Dataset entries
== == ==
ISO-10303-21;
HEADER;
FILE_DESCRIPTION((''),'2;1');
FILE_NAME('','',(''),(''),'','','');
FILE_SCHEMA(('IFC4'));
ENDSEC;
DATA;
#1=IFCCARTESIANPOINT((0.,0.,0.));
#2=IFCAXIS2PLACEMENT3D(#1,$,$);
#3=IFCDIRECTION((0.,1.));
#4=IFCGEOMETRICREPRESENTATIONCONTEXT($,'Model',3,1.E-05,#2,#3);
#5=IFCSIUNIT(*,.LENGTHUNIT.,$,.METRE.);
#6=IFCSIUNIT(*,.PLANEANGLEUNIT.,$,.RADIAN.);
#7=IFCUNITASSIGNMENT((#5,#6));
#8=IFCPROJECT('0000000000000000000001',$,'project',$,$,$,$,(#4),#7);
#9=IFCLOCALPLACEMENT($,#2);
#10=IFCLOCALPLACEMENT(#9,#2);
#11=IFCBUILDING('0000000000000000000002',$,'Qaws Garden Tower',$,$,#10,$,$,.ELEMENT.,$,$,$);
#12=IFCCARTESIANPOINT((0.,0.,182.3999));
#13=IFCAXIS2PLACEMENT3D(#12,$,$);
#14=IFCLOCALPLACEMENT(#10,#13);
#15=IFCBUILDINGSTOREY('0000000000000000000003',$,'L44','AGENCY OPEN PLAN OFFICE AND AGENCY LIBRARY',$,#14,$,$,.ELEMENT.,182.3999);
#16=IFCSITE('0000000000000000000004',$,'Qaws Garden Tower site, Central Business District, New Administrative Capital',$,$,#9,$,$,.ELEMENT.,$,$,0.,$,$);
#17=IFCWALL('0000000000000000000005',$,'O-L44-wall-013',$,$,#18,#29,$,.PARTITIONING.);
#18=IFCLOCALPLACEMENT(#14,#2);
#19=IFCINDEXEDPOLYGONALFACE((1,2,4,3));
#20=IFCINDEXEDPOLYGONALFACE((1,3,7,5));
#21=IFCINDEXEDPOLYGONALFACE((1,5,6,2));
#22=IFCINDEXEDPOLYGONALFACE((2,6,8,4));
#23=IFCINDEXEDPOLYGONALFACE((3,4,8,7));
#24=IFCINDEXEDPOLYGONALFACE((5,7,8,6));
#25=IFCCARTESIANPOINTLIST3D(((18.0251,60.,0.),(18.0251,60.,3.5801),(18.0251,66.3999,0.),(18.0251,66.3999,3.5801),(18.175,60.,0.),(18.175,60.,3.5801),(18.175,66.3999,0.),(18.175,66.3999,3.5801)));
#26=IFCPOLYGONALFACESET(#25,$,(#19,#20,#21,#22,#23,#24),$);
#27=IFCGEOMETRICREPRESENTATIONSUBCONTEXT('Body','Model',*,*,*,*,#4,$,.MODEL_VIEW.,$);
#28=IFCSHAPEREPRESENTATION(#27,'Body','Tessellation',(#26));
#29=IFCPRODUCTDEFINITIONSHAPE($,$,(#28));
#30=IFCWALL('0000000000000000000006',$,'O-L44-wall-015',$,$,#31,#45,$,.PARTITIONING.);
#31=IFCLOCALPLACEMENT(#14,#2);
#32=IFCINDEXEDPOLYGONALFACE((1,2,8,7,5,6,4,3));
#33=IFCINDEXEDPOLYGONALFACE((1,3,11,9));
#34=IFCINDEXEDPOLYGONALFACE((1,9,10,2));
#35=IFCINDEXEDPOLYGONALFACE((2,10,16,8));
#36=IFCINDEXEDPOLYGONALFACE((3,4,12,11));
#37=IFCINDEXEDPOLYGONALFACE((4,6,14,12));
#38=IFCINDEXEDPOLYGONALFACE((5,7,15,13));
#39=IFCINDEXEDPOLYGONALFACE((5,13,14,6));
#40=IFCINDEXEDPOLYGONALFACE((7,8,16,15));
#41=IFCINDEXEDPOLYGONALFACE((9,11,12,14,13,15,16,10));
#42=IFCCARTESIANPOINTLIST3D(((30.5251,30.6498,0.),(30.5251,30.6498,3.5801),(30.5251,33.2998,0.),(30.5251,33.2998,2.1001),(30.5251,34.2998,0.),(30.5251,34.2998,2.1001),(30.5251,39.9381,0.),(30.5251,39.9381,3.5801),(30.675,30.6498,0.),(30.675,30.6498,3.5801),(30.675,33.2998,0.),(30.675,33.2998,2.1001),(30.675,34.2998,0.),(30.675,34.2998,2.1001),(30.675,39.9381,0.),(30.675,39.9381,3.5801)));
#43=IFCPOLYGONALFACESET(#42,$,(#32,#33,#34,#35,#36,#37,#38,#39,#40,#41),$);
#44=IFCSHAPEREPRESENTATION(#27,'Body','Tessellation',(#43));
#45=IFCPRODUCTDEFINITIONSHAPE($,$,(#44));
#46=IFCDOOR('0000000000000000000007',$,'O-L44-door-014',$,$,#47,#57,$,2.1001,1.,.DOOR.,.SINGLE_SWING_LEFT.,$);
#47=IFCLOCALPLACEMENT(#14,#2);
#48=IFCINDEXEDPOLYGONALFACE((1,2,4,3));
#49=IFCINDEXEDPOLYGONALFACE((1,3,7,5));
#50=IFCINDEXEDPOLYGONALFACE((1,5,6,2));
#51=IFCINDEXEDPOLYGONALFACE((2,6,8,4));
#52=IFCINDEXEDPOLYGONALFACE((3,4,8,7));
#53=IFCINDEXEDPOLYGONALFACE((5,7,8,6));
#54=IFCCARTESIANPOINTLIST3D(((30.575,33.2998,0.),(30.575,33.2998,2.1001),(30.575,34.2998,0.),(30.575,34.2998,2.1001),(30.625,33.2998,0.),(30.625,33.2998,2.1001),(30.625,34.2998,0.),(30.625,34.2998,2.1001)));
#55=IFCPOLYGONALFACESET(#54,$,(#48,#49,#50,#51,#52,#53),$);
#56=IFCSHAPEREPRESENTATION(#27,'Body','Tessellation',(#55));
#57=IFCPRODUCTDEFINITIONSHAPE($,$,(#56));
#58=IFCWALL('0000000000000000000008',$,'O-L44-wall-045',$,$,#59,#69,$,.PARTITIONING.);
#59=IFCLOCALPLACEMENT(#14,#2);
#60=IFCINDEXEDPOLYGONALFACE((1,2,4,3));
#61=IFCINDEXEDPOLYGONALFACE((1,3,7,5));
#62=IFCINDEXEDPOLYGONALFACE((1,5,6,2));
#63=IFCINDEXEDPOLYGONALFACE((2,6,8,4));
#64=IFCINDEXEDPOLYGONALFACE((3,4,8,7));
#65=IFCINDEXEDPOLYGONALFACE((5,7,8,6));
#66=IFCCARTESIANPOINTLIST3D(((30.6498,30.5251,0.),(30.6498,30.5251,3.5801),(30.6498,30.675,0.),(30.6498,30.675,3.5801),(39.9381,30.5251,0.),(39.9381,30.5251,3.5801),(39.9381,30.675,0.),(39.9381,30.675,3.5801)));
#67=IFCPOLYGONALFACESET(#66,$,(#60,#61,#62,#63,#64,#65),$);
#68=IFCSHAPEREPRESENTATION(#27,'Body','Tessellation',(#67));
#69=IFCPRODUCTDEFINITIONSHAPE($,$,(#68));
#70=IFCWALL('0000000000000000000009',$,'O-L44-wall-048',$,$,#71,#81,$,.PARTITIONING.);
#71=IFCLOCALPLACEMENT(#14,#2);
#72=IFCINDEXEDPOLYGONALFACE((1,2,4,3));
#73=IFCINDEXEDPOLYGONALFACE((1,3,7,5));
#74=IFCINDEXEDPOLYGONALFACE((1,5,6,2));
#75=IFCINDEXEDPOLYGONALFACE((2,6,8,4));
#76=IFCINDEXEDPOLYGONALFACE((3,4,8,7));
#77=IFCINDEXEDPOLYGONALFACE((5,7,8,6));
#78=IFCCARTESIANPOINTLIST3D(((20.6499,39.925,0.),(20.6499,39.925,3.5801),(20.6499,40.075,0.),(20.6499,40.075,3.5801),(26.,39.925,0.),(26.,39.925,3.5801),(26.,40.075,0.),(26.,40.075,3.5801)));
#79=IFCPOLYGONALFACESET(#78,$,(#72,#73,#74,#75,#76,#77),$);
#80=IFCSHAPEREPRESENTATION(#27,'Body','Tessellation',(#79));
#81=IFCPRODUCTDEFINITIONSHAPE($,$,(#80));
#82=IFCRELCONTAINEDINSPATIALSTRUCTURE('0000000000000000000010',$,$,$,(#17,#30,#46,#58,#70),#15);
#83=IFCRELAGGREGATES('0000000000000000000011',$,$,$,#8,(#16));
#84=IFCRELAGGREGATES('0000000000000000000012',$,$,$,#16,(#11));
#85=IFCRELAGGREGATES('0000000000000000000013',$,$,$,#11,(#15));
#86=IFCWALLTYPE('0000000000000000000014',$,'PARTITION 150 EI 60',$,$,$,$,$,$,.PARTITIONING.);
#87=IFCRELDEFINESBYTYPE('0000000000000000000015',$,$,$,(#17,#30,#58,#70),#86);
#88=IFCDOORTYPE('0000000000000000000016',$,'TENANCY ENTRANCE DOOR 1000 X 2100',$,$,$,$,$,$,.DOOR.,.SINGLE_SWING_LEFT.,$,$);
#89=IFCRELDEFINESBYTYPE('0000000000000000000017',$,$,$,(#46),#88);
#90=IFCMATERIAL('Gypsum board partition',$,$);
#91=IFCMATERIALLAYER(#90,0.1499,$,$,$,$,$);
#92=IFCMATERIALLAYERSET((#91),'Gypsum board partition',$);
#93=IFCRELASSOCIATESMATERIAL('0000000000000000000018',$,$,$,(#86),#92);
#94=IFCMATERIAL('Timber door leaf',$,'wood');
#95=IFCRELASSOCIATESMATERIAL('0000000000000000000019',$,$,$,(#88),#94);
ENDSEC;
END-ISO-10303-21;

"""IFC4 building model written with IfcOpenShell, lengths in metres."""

from ifc_helpers import new_model, si_unit, direction, frame, frame_2d, origin, place, context, subcontext, project, spatial, rectangle, extrude, material, layer, layer_set, type_object, element, fill, save


model = new_model("IFC4")

# Units and contexts
model_context = context("Model", 3, precision=1e-05, world=origin(), true_north=direction((0.0, 1.0)))
body_context = subcontext(model_context, "Body", "Model", "MODEL_VIEW")
ifc_project = project(units=[si_unit("LENGTHUNIT", "METRE"), si_unit("PLANEANGLEUNIT", "RADIAN")], contexts=[model_context])

# Site, building, storey
site_placement = place(None, origin())
site = spatial("IfcSite", under=ifc_project, at=site_placement, Name="Qaws Garden Tower site, Central Business District, New Administrative Capital", CompositionType="ELEMENT", RefElevation=0.0)
building_placement = place(site_placement, origin())
building = spatial("IfcBuilding", under=site, at=building_placement, Name="Qaws Garden Tower", CompositionType="ELEMENT")
storey_placement = place(building_placement, frame((0.0, 0.0, 182.3999)))
storey = spatial("IfcBuildingStorey", under=building, at=storey_placement, Name="L44", Description="AGENCY OPEN PLAN OFFICE AND AGENCY LIBRARY", CompositionType="ELEMENT", Elevation=182.3999)

# Wall
ifc_material_1 = material(Name="Gypsum board partition")
ifc_layer_1 = layer(ifc_material_1, 0.1499)
ifc_layer_set_1 = layer_set([ifc_layer_1], Name="Gypsum board partition")
wall_type_1 = type_object("IfcWallType", Name="PARTITION 150 EI 60", PredefinedType="PARTITIONING", material=ifc_layer_set_1)
wall_1_placement = place(storey_placement, frame((18.1001, 60.0, 0.0), z_axis=(0.0, 0.0, 1.0), x_axis=(0.0, 1.0, 0.0)))
element("IfcWall", 1, at=wall_1_placement, inside=storey, type_object=wall_type_1, Name="O-L44-wall-013", PredefinedType="PARTITIONING", context=body_context, shape_type="SweptSolid", body=[
    extrude(rectangle(XDim=6.3999, YDim=0.1499, at=frame_2d((3.2, 0.0))), origin(), (0.0, 0.0, 1.0), 3.5801),
])

# Wall, opening, door
wall_2_placement = place(storey_placement, frame((30.6001, 30.6499, 0.0), z_axis=(0.0, 0.0, 1.0), x_axis=(0.0, 1.0, 0.0)))
wall_2 = element("IfcWall", 2, at=wall_2_placement, inside=storey, type_object=wall_type_1, Name="O-L44-wall-015", PredefinedType="PARTITIONING", context=body_context, shape_type="SweptSolid", body=[
    extrude(rectangle(XDim=9.2883, YDim=0.1499, at=frame_2d((4.644, 0.0))), origin(), (0.0, 0.0, 1.0), 3.5801),
])
opening_1_placement = place(wall_2_placement, frame((2.6499, 0.0, 0.0)))
opening_1 = element("IfcOpeningElement", 3, at=opening_1_placement, cuts=wall_2, PredefinedType="OPENING", context=body_context, shape_type="SweptSolid", body=[
    extrude(rectangle(XDim=1.0, YDim=2.1001, at=frame_2d((0.5, 1.05))), frame((0.0, 0.085, 0.0), z_axis=(0.0, -1.0, 0.0), x_axis=(1.0, 0.0, 0.0)), (0.0, 0.0, 1.0), 0.1699),
])
ifc_material_2 = material(Name="Timber door leaf", Category="wood")
door_type = type_object("IfcDoorType", Name="TENANCY ENTRANCE DOOR 1000 X 2100", OperationType="SINGLE_SWING_LEFT", PredefinedType="DOOR", material=ifc_material_2)
door_placement = place(opening_1_placement, frame((1.0, 0.0, 0.0), z_axis=(0.0, 0.0, 1.0), x_axis=(-1.0, 0.0, 0.0)))
door = element("IfcDoor", 4, at=door_placement, inside=storey, type_object=door_type, Name="O-L44-door-014", OperationType="SINGLE_SWING_LEFT", OverallHeight=2.1001, OverallWidth=1.0, PredefinedType="DOOR", context=body_context, shape_type="SweptSolid", body=[
    extrude(rectangle(XDim=1.0, YDim=2.1001, at=frame_2d((0.5, 1.05))), frame((0.0, 0.0249, 0.0), z_axis=(0.0, -1.0, 0.0), x_axis=(1.0, 0.0, 0.0)), (0.0, 0.0, 1.0), 0.05),
])
fill(opening_1, door)

# Walls
wall_3_placement = place(storey_placement, frame((30.6499, 30.6001, 0.0), z_axis=(0.0, 0.0, 1.0), x_axis=(1.0, 0.0, 0.0)))
element("IfcWall", 5, at=wall_3_placement, inside=storey, type_object=wall_type_1, Name="O-L44-wall-045", PredefinedType="PARTITIONING", context=body_context, shape_type="SweptSolid", body=[
    extrude(rectangle(XDim=9.2883, YDim=0.1499, at=frame_2d((4.644, 0.0))), origin(), (0.0, 0.0, 1.0), 3.5801),
])
wall_4_placement = place(storey_placement, frame((20.6499, 40.0, 0.0), z_axis=(0.0, 0.0, 1.0), x_axis=(1.0, 0.0, 0.0)))
element("IfcWall", 6, at=wall_4_placement, inside=storey, type_object=wall_type_1, Name="O-L44-wall-048", PredefinedType="PARTITIONING", context=body_context, shape_type="SweptSolid", body=[
    extrude(rectangle(XDim=5.3501, YDim=0.1499, at=frame_2d((2.675, 0.0))), origin(), (0.0, 0.0, 1.0), 3.5801),
])

save(model, "model.ifc")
== == ==
**TASK TO COMPLETE**
Work out how many lines in the records above hold the string "IFCPOLYGONALFACESET", then give only that count.

**WORKED SOLUTION**
5